> **Required work**
Work through the data line by line, gathering every line that has the word "project".

> **Given data**

---

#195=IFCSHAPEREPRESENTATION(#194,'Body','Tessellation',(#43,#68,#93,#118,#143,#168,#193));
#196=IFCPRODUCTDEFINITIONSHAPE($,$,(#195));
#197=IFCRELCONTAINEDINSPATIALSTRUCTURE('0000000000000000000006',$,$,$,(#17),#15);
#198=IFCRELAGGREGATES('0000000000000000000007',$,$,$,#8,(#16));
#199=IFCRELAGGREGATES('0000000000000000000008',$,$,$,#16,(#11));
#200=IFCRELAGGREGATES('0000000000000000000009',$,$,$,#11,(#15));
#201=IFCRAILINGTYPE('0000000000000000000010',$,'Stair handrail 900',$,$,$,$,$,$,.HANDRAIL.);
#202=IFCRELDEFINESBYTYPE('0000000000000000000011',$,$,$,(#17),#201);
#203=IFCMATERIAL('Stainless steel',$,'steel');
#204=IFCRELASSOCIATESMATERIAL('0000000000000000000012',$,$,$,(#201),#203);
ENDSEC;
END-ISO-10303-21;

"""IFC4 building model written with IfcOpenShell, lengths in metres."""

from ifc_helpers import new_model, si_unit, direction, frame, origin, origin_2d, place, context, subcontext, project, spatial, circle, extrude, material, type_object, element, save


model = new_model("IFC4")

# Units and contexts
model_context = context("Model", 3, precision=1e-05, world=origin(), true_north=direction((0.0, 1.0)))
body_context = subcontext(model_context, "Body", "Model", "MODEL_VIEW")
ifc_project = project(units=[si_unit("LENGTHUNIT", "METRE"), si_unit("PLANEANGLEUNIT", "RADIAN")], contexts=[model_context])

---

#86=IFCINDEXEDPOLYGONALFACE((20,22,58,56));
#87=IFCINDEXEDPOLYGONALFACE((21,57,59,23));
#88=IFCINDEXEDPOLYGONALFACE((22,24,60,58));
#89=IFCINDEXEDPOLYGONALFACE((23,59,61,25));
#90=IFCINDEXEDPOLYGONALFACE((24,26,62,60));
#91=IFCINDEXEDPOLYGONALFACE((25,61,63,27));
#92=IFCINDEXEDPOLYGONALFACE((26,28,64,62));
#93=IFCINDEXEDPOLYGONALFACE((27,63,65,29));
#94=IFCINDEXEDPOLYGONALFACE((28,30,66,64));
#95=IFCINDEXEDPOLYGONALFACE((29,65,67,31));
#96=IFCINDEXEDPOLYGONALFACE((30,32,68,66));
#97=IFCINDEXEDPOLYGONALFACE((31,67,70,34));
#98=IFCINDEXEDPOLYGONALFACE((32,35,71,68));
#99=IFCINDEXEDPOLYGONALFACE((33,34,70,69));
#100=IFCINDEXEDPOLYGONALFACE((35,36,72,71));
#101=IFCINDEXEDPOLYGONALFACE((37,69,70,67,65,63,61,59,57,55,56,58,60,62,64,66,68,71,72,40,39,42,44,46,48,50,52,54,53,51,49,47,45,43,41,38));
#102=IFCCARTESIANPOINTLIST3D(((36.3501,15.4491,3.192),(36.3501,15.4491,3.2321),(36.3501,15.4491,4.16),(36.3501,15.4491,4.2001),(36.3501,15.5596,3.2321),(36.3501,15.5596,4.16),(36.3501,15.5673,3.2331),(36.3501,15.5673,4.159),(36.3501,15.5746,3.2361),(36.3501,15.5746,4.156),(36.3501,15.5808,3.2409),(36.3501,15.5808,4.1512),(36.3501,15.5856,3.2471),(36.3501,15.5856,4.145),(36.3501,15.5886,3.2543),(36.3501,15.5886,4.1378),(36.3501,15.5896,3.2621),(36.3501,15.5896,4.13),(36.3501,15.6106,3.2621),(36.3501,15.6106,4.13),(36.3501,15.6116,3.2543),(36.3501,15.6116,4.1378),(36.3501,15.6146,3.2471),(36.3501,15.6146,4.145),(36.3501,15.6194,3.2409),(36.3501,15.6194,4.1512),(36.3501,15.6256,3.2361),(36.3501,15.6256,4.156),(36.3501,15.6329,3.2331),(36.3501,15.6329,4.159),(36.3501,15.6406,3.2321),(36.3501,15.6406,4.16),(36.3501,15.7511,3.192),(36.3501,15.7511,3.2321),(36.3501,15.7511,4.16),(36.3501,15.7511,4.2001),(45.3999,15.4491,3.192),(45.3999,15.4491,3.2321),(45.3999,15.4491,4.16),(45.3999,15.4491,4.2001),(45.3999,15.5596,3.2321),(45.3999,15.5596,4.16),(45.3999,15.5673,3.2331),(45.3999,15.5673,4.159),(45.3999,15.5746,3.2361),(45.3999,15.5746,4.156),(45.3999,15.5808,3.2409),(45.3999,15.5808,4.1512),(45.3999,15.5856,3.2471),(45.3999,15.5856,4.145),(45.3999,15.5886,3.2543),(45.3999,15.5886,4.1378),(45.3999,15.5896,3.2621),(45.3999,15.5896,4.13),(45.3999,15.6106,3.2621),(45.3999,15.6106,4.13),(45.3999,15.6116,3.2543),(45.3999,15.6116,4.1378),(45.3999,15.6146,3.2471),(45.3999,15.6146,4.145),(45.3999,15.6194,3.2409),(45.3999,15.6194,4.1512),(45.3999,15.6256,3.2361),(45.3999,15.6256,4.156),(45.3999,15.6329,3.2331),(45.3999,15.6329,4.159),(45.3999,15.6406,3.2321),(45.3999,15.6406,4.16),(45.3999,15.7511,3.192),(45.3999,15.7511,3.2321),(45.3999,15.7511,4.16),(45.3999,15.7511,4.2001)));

---

> **Written response**
from ifc_helpers import new_model, si_unit, direction, frame, origin, origin_2d, place, context, subcontext, project, spatial, circle, extrude, material, type_object, element, save
ifc_project = project(units=[si_unit("LENGTHUNIT", "METRE"), si_unit("PLANEANGLEUNIT", "RADIAN")], contexts=[model_context])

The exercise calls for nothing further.